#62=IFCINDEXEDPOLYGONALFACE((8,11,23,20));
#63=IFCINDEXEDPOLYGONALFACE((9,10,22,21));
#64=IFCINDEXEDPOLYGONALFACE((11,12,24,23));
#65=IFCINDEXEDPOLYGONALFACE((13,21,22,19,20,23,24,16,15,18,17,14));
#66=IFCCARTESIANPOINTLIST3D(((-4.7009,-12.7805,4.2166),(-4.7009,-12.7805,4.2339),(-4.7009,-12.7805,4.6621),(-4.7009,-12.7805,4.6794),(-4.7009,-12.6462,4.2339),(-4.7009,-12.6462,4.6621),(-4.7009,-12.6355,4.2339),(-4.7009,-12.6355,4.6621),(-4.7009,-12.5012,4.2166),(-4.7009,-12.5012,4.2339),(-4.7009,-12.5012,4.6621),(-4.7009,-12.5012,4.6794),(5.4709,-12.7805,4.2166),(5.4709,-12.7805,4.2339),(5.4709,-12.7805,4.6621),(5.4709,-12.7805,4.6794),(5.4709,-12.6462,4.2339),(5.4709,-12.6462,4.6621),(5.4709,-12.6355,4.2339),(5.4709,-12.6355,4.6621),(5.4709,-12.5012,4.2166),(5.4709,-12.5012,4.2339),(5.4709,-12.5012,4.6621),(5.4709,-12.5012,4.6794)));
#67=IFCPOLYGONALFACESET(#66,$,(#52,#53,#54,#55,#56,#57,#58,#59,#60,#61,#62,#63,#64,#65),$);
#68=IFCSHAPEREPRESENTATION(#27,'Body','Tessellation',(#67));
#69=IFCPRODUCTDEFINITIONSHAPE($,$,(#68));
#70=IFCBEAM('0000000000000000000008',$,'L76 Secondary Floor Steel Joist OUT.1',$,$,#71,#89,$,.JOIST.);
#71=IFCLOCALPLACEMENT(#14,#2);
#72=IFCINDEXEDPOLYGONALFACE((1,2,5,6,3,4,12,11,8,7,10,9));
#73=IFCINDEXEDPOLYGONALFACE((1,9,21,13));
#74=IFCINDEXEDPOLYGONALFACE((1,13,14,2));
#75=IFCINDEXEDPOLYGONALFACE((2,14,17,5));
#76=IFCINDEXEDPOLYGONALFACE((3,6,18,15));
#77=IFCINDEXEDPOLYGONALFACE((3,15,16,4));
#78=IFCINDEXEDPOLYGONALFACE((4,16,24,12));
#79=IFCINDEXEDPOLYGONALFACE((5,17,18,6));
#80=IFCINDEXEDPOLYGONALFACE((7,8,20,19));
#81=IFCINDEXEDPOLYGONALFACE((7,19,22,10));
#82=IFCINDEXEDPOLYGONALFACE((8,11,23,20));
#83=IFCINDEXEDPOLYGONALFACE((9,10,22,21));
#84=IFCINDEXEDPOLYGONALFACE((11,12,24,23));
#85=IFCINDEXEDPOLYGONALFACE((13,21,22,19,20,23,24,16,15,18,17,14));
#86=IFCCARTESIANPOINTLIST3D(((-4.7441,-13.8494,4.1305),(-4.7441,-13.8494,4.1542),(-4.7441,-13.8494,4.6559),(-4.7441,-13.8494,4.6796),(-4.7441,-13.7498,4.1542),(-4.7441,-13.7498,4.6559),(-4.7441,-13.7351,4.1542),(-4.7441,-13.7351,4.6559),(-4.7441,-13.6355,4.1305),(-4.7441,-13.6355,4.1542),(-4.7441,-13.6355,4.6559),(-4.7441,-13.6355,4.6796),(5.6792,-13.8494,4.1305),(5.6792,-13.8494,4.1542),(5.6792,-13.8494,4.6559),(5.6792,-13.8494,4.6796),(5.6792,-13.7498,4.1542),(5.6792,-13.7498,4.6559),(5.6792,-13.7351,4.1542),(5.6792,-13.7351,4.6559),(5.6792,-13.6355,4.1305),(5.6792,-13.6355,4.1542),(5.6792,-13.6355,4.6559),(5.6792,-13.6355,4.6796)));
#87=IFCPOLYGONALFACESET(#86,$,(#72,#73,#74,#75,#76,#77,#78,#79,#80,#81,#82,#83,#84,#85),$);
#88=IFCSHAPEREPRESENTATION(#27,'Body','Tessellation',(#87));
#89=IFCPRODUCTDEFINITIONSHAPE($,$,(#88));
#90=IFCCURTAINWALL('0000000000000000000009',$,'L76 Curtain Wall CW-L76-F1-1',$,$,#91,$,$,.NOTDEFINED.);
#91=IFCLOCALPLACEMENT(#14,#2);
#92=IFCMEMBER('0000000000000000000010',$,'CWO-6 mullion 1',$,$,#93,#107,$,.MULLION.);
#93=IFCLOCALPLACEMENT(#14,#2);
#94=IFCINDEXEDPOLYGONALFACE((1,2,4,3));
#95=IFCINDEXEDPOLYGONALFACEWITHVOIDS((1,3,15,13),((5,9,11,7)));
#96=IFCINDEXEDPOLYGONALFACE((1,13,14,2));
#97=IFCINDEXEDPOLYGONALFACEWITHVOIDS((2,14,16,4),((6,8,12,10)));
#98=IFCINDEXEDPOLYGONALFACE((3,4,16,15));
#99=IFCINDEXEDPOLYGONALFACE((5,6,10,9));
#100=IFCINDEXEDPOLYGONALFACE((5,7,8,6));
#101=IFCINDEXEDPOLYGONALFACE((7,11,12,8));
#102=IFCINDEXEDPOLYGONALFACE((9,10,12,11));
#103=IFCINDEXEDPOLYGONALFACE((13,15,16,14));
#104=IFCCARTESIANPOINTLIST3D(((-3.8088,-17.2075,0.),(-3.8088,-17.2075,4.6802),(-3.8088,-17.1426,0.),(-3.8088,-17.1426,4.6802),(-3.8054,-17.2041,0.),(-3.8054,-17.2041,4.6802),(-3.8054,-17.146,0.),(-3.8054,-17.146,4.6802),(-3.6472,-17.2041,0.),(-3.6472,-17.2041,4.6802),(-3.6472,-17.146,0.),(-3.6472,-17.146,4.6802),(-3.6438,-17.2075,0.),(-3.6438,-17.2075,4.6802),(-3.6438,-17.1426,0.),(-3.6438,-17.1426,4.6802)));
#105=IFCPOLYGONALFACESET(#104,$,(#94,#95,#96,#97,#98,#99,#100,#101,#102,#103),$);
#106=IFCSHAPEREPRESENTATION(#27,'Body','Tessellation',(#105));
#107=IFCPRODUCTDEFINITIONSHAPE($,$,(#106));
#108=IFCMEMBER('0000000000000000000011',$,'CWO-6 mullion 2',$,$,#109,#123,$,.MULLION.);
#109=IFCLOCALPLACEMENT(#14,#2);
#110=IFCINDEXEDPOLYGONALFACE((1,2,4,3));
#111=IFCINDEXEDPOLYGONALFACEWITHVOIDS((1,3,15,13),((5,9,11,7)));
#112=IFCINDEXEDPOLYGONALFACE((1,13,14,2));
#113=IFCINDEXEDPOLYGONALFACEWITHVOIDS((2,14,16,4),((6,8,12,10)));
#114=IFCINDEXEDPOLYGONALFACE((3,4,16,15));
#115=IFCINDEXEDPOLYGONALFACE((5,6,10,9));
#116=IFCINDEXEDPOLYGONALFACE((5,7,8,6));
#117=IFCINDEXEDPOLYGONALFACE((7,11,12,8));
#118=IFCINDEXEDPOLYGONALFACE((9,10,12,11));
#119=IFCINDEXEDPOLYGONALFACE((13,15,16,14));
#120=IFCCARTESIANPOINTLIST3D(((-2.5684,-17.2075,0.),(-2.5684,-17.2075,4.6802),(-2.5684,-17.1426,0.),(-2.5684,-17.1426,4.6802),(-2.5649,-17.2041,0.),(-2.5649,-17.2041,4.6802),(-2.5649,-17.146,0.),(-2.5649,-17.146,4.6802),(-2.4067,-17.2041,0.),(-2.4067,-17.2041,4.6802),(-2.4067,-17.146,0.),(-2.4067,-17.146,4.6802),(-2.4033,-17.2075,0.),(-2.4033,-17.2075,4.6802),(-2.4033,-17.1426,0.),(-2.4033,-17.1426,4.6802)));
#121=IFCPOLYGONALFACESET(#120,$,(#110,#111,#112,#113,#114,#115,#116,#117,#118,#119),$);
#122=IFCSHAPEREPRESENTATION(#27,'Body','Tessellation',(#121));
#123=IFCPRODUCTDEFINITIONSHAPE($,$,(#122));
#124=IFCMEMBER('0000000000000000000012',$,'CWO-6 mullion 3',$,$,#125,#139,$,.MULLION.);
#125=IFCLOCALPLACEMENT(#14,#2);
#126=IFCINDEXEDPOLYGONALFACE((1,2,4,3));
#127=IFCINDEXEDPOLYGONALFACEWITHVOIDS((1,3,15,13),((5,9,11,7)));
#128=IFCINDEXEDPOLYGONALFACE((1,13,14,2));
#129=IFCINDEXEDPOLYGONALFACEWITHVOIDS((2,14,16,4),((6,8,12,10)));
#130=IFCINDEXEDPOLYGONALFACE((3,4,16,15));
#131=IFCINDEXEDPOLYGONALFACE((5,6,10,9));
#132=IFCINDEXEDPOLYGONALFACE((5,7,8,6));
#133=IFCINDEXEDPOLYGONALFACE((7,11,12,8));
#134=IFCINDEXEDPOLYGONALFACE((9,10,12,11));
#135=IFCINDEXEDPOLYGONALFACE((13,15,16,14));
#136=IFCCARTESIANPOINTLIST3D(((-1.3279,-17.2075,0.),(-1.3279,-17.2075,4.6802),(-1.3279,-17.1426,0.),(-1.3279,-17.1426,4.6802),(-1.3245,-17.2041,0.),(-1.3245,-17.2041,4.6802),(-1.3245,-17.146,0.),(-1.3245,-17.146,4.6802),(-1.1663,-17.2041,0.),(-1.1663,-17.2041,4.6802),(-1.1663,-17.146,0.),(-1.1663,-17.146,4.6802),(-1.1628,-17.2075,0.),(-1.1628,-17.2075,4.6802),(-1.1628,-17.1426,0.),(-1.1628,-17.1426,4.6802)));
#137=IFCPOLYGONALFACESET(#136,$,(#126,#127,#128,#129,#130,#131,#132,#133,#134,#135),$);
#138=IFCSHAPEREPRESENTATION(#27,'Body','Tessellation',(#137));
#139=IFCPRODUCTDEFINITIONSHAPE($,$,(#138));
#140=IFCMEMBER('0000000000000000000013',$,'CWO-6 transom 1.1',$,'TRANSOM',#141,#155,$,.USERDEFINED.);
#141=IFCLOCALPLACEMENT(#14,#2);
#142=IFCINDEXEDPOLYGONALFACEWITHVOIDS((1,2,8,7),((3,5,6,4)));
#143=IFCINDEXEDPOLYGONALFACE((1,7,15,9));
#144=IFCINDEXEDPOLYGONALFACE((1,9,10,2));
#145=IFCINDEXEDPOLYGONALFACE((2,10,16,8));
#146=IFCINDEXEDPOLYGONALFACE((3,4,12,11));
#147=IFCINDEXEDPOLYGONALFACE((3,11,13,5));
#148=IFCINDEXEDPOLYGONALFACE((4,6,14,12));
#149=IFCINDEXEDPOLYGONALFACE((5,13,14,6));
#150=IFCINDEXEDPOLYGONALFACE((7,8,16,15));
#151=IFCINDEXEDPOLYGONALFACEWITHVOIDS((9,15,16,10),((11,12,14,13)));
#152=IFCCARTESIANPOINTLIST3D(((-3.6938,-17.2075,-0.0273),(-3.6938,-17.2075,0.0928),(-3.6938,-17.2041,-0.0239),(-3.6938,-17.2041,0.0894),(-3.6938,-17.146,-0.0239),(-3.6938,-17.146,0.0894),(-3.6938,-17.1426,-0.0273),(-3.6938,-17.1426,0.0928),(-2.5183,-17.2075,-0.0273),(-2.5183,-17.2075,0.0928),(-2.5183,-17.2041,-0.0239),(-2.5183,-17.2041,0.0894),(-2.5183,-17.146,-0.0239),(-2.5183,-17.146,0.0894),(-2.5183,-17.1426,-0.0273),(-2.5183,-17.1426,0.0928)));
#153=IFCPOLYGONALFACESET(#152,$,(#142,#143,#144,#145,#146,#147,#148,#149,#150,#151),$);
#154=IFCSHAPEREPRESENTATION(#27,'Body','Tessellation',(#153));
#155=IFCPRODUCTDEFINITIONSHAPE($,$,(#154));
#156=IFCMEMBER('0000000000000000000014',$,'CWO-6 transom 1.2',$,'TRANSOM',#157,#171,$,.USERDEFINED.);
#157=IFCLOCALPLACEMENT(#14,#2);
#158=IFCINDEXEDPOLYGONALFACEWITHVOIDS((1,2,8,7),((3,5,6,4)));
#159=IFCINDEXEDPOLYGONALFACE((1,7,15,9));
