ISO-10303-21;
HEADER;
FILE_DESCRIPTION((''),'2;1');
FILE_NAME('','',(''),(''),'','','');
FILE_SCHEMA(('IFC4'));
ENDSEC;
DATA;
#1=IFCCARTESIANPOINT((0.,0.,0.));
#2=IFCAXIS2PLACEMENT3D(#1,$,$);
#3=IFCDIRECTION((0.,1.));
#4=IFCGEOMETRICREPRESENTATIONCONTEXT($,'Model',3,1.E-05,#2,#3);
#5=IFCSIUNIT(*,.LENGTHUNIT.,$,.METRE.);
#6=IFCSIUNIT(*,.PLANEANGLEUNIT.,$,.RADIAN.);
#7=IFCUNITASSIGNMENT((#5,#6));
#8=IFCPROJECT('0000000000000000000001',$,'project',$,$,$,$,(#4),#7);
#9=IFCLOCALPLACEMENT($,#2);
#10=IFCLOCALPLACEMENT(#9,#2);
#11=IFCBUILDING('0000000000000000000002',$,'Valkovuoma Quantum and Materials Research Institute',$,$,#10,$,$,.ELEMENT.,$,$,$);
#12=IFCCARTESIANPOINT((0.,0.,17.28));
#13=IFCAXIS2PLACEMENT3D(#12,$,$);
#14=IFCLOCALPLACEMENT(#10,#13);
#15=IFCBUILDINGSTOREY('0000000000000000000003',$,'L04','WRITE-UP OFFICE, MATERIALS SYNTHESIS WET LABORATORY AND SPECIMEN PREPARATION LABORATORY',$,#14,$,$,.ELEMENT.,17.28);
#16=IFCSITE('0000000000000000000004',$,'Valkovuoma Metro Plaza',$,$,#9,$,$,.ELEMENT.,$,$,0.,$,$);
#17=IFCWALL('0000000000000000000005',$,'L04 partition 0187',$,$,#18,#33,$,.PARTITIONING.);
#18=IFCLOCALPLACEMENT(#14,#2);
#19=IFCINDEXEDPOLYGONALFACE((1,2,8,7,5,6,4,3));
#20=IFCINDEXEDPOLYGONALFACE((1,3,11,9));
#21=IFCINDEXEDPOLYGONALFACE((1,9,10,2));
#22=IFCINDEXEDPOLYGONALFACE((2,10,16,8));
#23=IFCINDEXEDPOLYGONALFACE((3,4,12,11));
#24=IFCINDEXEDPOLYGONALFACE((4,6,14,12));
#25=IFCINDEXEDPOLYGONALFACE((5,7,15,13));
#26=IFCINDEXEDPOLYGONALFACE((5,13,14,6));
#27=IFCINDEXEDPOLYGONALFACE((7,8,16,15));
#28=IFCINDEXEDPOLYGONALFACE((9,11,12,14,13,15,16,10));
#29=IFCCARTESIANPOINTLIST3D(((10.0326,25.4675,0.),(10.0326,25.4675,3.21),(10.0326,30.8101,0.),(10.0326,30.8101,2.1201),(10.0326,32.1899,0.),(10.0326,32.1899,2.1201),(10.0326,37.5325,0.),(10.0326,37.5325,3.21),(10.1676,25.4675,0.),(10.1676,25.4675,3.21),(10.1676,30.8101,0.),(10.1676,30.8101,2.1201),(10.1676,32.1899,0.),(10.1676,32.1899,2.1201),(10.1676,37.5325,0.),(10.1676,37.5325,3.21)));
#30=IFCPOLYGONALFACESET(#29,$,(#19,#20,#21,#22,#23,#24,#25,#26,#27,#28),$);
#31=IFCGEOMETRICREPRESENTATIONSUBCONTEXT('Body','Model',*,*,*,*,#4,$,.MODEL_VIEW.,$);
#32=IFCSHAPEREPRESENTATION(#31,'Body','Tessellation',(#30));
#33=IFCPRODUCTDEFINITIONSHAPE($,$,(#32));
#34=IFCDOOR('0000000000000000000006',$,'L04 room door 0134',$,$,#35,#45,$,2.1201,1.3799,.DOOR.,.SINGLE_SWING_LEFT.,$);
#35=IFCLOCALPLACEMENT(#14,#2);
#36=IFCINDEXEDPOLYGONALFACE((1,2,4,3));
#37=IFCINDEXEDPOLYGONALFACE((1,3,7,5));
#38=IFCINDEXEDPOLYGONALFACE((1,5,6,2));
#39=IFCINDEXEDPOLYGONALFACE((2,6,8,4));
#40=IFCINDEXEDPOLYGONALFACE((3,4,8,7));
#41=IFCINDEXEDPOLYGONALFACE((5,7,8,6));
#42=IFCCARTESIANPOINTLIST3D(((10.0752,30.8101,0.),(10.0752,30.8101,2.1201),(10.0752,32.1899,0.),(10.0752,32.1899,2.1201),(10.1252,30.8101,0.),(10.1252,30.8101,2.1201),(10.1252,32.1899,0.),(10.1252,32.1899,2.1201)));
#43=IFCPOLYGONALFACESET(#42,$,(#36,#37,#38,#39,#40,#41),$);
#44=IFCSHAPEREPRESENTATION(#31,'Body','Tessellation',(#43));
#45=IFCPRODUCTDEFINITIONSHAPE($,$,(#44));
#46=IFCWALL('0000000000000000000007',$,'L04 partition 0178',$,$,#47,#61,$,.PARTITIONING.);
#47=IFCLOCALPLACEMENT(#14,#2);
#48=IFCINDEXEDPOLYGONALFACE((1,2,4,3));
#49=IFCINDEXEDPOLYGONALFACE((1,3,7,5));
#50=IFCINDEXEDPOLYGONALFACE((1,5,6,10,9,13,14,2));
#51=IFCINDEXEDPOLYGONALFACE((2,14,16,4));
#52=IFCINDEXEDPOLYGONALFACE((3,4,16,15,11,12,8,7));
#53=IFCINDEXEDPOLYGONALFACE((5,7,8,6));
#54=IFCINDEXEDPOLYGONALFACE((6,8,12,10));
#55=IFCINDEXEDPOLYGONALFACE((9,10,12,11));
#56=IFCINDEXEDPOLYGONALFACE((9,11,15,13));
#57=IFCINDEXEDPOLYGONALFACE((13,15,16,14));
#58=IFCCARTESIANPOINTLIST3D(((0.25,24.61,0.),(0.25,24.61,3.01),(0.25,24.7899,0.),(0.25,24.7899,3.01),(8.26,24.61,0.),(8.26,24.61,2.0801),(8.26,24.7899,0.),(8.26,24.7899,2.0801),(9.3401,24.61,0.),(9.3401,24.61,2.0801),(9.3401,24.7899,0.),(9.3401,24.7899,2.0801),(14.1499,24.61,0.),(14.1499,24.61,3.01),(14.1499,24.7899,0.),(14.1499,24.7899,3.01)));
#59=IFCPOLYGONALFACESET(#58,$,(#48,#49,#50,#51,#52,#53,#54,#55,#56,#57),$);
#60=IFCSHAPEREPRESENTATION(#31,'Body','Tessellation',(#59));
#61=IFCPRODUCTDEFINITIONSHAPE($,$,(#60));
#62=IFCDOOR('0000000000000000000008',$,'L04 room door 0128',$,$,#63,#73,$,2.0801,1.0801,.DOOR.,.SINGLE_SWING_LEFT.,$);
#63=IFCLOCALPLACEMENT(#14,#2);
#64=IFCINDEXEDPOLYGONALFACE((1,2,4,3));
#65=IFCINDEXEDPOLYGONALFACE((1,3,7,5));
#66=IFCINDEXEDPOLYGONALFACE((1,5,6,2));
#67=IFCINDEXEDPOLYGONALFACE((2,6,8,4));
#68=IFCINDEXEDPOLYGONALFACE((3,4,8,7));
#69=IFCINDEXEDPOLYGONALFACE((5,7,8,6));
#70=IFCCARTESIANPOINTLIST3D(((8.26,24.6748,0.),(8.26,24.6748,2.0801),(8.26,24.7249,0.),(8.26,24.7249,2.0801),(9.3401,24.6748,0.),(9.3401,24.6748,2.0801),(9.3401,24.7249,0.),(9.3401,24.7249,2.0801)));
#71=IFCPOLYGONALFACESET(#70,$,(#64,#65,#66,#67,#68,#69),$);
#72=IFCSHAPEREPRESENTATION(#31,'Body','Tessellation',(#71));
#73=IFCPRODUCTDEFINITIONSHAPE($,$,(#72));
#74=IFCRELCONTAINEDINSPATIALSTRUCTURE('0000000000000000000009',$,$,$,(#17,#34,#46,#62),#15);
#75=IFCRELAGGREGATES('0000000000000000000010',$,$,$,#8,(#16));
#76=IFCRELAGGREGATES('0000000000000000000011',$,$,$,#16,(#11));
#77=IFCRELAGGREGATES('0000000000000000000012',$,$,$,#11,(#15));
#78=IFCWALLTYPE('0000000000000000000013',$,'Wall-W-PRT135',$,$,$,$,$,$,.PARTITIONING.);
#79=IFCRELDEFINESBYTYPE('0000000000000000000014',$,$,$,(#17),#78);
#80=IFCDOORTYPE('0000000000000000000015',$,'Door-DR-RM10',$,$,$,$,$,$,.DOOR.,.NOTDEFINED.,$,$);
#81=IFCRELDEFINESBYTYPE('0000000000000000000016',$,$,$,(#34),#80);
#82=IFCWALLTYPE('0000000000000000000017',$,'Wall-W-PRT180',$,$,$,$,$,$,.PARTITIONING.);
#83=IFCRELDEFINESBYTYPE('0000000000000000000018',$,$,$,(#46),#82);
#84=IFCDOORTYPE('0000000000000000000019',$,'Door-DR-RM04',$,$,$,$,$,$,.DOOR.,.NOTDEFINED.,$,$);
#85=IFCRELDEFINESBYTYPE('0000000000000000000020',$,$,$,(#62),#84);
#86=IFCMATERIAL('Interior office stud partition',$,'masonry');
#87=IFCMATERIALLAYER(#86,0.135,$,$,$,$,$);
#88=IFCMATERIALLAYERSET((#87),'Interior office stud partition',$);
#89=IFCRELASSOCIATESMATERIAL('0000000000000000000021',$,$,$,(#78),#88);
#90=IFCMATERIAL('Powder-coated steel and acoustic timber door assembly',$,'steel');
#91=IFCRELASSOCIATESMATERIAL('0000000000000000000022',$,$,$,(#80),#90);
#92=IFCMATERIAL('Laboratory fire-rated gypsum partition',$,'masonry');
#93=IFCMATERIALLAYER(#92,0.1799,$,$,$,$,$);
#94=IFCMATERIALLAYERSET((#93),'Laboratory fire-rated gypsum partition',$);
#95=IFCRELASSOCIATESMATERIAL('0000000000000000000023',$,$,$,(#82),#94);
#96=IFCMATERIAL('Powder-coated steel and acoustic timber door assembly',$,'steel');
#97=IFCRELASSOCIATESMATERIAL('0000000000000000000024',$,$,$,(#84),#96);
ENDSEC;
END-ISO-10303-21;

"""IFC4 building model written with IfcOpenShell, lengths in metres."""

from ifc_helpers import new_model, si_unit, direction, frame, frame_2d, origin, place, context, subcontext, project, spatial, rectangle, extrude, material, layer, layer_set, type_object, element, fill, save


model = new_model("IFC4")

# Units and contexts
model_context = context("Model", 3, precision=1e-05, world=origin(), true_north=direction((0.0, 1.0)))
body_context = subcontext(model_context, "Body", "Model", "MODEL_VIEW")
ifc_project = project(units=[si_unit("LENGTHUNIT", "METRE"), si_unit("PLANEANGLEUNIT", "RADIAN")], contexts=[model_context])

# Site, building, storey
site_placement = place(None, origin())
site = spatial("IfcSite", under=ifc_project, at=site_placement, Name="Valkovuoma Metro Plaza", CompositionType="ELEMENT", RefElevation=0.0)
building_placement = place(site_placement, origin())
building = spatial("IfcBuilding", under=site, at=building_placement, Name="Valkovuoma Quantum and Materials Research Institute", CompositionType="ELEMENT")
storey_placement = place(building_placement, frame((0.0, 0.0, 17.28)))
storey = spatial("IfcBuildingStorey", under=building, at=storey_placement, Name="L04", Description="WRITE-UP OFFICE, MATERIALS SYNTHESIS WET LABORATORY AND SPECIMEN PREPARATION LABORATORY", CompositionType="ELEMENT", Elevation=17.28)

# Walls, openings, doors
ifc_material_1 = material(Name="Interior office stud partition", Category="masonry")
ifc_layer_1 = layer(ifc_material_1, 0.135)
ifc_layer_set_1 = layer_set([ifc_layer_1], Name="Interior office stud partition")
wall_type_1 = type_object("IfcWallType", Name="Wall-W-PRT135", PredefinedType="PARTITIONING", material=ifc_layer_set_1)
wall_1_placement = place(storey_placement, frame((10.1001, 25.4675, 0.0), z_axis=(0.0, 0.0, 1.0), x_axis=(0.0, 1.0, 0.0)))
wall_1 = element("IfcWall", 1, at=wall_1_placement, inside=storey, type_object=wall_type_1, Name="L04 partition 0187", PredefinedType="PARTITIONING", context=body_context, shape_type="SweptSolid", body=[
    extrude(rectangle(XDim=12.0649, YDim=0.135, at=frame_2d((6.0325, 0.0))), origin(), (0.0, 0.0, 1.0), 3.21),
])
opening_1_placement = place(wall_1_placement, frame((5.3425, 0.0, 0.0)))
opening_1 = element("IfcOpeningElement", 2, at=opening_1_placement, cuts=wall_1, PredefinedType="OPENING", context=body_context, shape_type="SweptSolid", body=[
    extrude(rectangle(XDim=1.3799, YDim=2.1201, at=frame_2d((0.6899, 1.0601))), frame((0.0, 0.0776, 0.0), z_axis=(0.0, -1.0, 0.0), x_axis=(1.0, 0.0, 0.0)), (0.0, 0.0, 1.0), 0.155),
])
ifc_material_2 = material(Name="Powder-coated steel and acoustic timber door assembly", Category="steel")
door_type_1 = type_object("IfcDoorType", Name="Door-DR-RM10", OperationType="NOTDEFINED", PredefinedType="DOOR", material=ifc_material_2)
door_1_placement = place(opening_1_placement, origin())
door_1 = element("IfcDoor", 3, at=door_1_placement, inside=storey, type_object=door_type_1, Name="L04 room door 0134", OperationType="SINGLE_SWING_LEFT", OverallHeight=2.1201, OverallWidth=1.3799, PredefinedType="DOOR", context=body_context, shape_type="SweptSolid", body=[
    extrude(rectangle(XDim=1.3799, YDim=2.1201, at=frame_2d((0.6899, 1.0601))), frame((0.0, 0.0249, 0.0), z_axis=(0.0, -1.0, 0.0), x_axis=(1.0, 0.0, 0.0)), (0.0, 0.0, 1.0), 0.05),
])
fill(opening_1, door_1)
ifc_material_3 = material(Name="Laboratory fire-rated gypsum partition", Category="masonry")
ifc_layer_2 = layer(ifc_material_3, 0.1799)
ifc_layer_set_2 = layer_set([ifc_layer_2], Name="Laboratory fire-rated gypsum partition")
wall_type_2 = type_object("IfcWallType", Name="Wall-W-PRT180", PredefinedType="PARTITIONING", material=ifc_layer_set_2)
wall_2_placement = place(storey_placement, frame((0.25, 24.7, 0.0), z_axis=(0.0, 0.0, 1.0), x_axis=(1.0, 0.0, 0.0)))
wall_2 = element("IfcWall", 4, at=wall_2_placement, inside=storey, type_object=wall_type_2, Name="L04 partition 0178", PredefinedType="PARTITIONING", context=body_context, shape_type="SweptSolid", body=[
    extrude(rectangle(XDim=13.8999, YDim=0.1799, at=frame_2d((6.95, 0.0))), origin(), (0.0, 0.0, 1.0), 3.01),
])
opening_2_placement = place(wall_2_placement, frame((8.01, 0.0, 0.0)))
opening_2 = element("IfcOpeningElement", 5, at=opening_2_placement, cuts=wall_2, PredefinedType="OPENING", context=body_context, shape_type="SweptSolid", body=[
    extrude(rectangle(XDim=1.0801, YDim=2.0801, at=frame_2d((0.54, 1.04))), frame((0.0, 0.1001, 0.0), z_axis=(0.0, -1.0, 0.0), x_axis=(1.0, 0.0, 0.0)), (0.0, 0.0, 1.0), 0.2),
])
ifc_material_4 = material(Name="Powder-coated steel and acoustic timber door assembly", Category="steel")
door_type_2 = type_object("IfcDoorType", Name="Door-DR-RM04", OperationType="NOTDEFINED", PredefinedType="DOOR", material=ifc_material_4)
door_2_placement = place(opening_2_placement, origin())
door_2 = element("IfcDoor", 6, at=door_2_placement, inside=storey, type_object=door_type_2, Name="L04 room door 0128", OperationType="SINGLE_SWING_LEFT", OverallHeight=2.0801, OverallWidth=1.0801, PredefinedType="DOOR", context=body_context, shape_type="SweptSolid", body=[
    extrude(rectangle(XDim=1.0801, YDim=2.0801, at=frame_2d((0.54, 1.04))), frame((0.0, 0.0249, 0.0), z_axis=(0.0, -1.0, 0.0), x_axis=(1.0, 0.0, 0.0)), (0.0, 0.0, 1.0), 0.05),
])
fill(opening_2, door_2)

save(model, "model.ifc")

--------------------------------------------------

§ **PROBLEM**:
Where does the word "USERDEFINED" appear in the records above? Return every line that holds it.

§ **FINAL ANSWER**:
#140=IFCMEMBER('0000000000000000000013',$,'CWO-6 transom 1.1',$,'TRANSOM',#141,#155,$,.USERDEFINED.);
#156=IFCMEMBER('0000000000000000000014',$,'CWO-6 transom 1.2',$,'TRANSOM',#157,#171,$,.USERDEFINED.);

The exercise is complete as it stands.